WORK TO COMPLETE: Retype, exactly as they appear below, the lines between the line holding "#53=IFCINDEXEDPOLYGONALFACE((17,21,22,18));" and the line holding "#64=IFCINDEXEDPOLYGONALFACE((39,40,42,41));", both ends included.

DATA FOR PROCESSING:
--------
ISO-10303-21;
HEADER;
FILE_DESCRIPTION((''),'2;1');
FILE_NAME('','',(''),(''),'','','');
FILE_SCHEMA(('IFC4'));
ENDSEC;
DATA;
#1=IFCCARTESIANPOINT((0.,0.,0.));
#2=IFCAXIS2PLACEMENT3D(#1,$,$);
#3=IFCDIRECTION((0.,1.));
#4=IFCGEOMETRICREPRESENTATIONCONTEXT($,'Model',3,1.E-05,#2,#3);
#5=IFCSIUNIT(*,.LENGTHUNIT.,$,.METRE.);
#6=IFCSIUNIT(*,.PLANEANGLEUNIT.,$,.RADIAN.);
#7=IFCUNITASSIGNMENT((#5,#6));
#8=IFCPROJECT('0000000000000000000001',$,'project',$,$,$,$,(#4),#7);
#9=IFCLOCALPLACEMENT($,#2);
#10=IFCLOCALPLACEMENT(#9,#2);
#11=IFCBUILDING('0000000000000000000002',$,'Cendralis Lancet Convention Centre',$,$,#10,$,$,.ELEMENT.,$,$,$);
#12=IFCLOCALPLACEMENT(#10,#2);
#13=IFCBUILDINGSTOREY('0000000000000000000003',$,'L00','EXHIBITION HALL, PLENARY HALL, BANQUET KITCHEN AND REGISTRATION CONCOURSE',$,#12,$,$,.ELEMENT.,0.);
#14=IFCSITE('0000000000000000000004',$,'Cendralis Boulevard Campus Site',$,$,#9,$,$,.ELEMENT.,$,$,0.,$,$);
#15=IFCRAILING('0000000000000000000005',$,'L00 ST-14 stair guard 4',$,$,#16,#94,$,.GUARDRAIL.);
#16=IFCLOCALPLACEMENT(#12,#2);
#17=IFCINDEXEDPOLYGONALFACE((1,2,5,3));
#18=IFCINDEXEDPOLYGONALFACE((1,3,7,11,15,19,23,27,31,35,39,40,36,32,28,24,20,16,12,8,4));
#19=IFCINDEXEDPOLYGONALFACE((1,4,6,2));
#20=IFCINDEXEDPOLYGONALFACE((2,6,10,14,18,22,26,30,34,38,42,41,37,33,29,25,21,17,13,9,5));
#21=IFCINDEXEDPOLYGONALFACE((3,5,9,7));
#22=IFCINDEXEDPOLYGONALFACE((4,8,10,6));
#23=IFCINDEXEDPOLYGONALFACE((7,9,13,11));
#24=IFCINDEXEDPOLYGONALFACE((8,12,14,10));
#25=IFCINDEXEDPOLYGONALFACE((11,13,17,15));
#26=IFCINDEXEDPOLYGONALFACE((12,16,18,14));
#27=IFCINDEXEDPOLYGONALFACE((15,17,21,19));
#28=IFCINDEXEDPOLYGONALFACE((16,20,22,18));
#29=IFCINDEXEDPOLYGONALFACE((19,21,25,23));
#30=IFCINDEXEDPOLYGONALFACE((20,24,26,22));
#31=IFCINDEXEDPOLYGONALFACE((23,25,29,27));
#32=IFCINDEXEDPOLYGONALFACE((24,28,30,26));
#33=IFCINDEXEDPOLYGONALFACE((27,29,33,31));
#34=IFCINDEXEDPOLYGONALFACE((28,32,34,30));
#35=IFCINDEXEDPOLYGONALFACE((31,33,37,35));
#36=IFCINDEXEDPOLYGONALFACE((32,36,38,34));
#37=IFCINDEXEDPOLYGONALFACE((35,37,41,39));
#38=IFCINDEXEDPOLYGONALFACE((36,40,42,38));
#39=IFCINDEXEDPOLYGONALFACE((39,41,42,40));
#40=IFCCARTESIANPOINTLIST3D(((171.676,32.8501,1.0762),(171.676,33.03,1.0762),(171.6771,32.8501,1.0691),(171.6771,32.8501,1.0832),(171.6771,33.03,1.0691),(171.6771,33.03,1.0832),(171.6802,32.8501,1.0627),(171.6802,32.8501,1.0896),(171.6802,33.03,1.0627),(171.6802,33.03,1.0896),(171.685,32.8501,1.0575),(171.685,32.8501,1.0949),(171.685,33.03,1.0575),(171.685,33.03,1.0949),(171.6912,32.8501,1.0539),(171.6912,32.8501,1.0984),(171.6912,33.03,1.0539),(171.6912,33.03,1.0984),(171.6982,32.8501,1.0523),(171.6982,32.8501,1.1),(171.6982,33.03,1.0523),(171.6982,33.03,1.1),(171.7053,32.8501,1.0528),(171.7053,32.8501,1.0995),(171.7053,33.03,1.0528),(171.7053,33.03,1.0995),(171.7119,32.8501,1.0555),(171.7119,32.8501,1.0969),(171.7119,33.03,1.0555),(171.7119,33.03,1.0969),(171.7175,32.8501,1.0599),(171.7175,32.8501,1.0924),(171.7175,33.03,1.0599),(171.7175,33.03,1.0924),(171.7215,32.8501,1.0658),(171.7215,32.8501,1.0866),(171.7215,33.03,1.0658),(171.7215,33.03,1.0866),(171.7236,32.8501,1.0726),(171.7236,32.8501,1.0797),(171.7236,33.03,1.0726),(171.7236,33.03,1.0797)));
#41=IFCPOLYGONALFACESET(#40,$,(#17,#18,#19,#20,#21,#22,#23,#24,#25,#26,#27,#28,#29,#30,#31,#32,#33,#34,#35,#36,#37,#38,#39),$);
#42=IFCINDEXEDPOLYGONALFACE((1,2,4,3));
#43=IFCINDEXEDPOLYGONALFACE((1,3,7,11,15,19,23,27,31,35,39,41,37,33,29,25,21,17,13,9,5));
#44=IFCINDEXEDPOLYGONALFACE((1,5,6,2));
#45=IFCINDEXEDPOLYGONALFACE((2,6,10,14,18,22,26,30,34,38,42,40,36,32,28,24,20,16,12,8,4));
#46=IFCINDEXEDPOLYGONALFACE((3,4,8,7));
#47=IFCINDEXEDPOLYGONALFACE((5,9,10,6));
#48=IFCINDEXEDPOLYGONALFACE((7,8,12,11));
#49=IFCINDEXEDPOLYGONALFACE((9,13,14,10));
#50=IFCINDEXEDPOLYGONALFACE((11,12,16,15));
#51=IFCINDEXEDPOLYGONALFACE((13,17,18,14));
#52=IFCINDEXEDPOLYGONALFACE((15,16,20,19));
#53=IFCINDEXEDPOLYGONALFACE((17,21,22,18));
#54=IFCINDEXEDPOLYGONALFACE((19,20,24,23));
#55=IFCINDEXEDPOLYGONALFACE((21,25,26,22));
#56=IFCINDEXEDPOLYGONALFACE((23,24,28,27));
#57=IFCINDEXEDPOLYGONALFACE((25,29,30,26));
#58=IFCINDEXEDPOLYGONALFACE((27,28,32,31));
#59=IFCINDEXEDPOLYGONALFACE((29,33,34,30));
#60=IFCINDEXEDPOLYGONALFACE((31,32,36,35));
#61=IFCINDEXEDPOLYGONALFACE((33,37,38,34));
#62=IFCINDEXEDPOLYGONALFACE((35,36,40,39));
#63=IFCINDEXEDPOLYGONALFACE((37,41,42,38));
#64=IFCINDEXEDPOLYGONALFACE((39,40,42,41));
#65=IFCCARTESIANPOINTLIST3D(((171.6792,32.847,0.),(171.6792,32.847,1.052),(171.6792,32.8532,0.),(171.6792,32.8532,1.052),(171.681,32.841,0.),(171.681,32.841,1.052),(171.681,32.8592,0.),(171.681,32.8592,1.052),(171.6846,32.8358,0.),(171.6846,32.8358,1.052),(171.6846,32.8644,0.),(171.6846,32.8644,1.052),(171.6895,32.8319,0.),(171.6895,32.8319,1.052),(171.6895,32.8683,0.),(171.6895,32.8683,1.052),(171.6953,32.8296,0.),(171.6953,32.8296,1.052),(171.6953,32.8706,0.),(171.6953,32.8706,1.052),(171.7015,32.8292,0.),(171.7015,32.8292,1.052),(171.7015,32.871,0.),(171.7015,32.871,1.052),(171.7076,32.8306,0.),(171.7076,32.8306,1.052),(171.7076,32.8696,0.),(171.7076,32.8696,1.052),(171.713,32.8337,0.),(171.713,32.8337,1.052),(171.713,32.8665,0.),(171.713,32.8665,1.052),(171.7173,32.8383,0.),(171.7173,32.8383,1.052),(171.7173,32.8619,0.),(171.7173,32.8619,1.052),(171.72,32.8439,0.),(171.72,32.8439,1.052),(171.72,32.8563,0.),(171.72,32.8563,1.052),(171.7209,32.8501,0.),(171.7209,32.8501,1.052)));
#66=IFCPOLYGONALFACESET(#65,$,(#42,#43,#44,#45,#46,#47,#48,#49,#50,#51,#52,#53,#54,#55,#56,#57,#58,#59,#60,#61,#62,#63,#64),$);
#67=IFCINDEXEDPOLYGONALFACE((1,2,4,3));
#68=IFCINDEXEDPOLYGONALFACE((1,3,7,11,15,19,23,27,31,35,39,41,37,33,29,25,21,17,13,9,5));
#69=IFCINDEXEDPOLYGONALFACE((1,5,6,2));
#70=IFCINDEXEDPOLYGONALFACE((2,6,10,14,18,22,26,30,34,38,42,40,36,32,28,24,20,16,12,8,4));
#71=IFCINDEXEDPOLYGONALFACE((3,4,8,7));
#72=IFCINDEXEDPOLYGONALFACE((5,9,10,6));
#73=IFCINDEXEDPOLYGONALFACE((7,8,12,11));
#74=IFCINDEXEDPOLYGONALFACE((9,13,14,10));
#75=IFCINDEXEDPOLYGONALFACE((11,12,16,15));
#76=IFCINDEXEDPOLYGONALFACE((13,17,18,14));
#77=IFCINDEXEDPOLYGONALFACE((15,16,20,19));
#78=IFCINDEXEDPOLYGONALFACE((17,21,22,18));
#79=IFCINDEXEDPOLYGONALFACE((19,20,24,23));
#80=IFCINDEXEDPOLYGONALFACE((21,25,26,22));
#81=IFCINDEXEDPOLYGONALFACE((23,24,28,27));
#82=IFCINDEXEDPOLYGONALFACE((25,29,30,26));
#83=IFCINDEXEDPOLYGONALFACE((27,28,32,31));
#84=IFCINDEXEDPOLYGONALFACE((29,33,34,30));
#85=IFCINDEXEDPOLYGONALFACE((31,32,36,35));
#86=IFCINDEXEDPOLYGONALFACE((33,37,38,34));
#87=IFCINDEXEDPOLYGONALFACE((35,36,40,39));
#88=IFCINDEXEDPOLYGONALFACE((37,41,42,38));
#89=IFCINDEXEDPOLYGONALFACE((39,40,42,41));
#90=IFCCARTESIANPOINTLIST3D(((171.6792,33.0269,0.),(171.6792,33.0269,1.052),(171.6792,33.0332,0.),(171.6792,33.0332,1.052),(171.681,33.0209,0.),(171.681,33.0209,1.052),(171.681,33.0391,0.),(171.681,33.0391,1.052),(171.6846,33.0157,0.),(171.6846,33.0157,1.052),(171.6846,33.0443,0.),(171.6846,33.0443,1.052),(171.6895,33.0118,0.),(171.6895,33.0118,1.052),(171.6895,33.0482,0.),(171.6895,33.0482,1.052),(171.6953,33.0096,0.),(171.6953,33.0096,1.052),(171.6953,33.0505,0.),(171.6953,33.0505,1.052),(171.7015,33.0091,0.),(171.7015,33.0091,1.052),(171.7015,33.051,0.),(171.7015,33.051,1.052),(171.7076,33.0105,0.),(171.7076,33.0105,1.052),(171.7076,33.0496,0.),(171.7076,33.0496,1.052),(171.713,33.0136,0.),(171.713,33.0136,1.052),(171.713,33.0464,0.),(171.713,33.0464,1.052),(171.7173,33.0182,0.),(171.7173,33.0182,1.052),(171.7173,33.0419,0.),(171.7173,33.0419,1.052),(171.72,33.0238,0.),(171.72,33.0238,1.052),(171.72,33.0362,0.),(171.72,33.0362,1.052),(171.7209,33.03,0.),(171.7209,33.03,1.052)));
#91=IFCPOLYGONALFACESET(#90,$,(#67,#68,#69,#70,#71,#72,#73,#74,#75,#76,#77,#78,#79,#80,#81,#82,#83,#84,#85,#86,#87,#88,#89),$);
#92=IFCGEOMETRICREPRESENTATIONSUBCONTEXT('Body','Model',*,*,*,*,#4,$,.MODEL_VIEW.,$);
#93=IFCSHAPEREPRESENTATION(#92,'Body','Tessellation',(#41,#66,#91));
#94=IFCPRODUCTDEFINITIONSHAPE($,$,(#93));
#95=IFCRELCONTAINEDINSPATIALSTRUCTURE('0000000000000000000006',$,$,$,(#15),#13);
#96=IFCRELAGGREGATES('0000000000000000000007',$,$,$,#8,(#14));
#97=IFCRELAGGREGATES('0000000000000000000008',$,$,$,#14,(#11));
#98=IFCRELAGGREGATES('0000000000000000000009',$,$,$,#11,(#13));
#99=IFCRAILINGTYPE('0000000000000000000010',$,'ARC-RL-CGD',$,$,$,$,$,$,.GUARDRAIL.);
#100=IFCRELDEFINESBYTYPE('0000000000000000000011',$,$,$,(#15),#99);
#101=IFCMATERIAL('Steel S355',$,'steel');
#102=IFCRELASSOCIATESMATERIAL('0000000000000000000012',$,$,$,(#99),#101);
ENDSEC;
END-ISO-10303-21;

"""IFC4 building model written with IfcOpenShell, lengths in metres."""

from ifc_helpers import new_model, si_unit, direction, frame, origin, origin_2d, place, context, subcontext, project, spatial, circle, extrude, material, type_object, element, save


model = new_model("IFC4")

# Units and contexts
model_context = context("Model", 3, precision=1e-05, world=origin(), true_north=direction((0.0, 1.0)))
body_context = subcontext(model_context, "Body", "Model", "MODEL_VIEW")
ifc_project = project(units=[si_unit("LENGTHUNIT", "METRE"), si_unit("PLANEANGLEUNIT", "RADIAN")], contexts=[model_context])

# Site, building, storey
site_placement = place(None, origin())
site = spatial("IfcSite", under=ifc_project, at=site_placement, Name="Cendralis Boulevard Campus Site", CompositionType="ELEMENT", RefElevation=0.0)
building_placement = place(site_placement, origin())
building = spatial("IfcBuilding", under=site, at=building_placement, Name="Cendralis Lancet Convention Centre", CompositionType="ELEMENT")
storey_placement = place(building_placement, origin())
storey = spatial("IfcBuildingStorey", under=building, at=storey_placement, Name="L00", Description="EXHIBITION HALL, PLENARY HALL, BANQUET KITCHEN AND REGISTRATION CONCOURSE", CompositionType="ELEMENT", Elevation=0.0)

# Shared definitions
ifc_material_1 = material(Name="Steel S355", Category="steel")

# Railing
railing_type_1 = type_object("IfcRailingType", Name="ARC-RL-CGD", PredefinedType="GUARDRAIL", material=ifc_material_1)
railing_1_placement = place(storey_placement, frame((171.7, 32.8501, 0.0)))
element("IfcRailing", 1, at=railing_1_placement, inside=storey, type_object=railing_type_1, Name="L00 ST-14 stair guard 4", PredefinedType="GUARDRAIL", context=body_context, shape_type="SweptSolid", body=[
    extrude(circle(Radius=0.0239, at=origin_2d()), frame((0.0, 0.0, 1.0762), z_axis=(0.0, 1.0, 0.0), x_axis=(-1.0, 0.0, 0.0)), (0.0, 0.0, 1.0), 0.1799),
    extrude(circle(Radius=0.021, at=origin_2d()), origin(), (0.0, 0.0, 1.0), 1.052),
    extrude(circle(Radius=0.021, at=origin_2d()), frame((0.0, 0.1799, 0.0)), (0.0, 0.0, 1.0), 1.052),
])

save(model, "model.ifc")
--------
ANSWER FOR THE TASK:
#53=IFCINDEXEDPOLYGONALFACE((17,21,22,18));
#54=IFCINDEXEDPOLYGONALFACE((19,20,24,23));
#55=IFCINDEXEDPOLYGONALFACE((21,25,26,22));
#56=IFCINDEXEDPOLYGONALFACE((23,24,28,27));
#57=IFCINDEXEDPOLYGONALFACE((25,29,30,26));
#58=IFCINDEXEDPOLYGONALFACE((27,28,32,31));
#59=IFCINDEXEDPOLYGONALFACE((29,33,34,30));
#60=IFCINDEXEDPOLYGONALFACE((31,32,36,35));
#61=IFCINDEXEDPOLYGONALFACE((33,37,38,34));
#62=IFCINDEXEDPOLYGONALFACE((35,36,40,39));
#63=IFCINDEXEDPOLYGONALFACE((37,41,42,38));
#64=IFCINDEXEDPOLYGONALFACE((39,40,42,41));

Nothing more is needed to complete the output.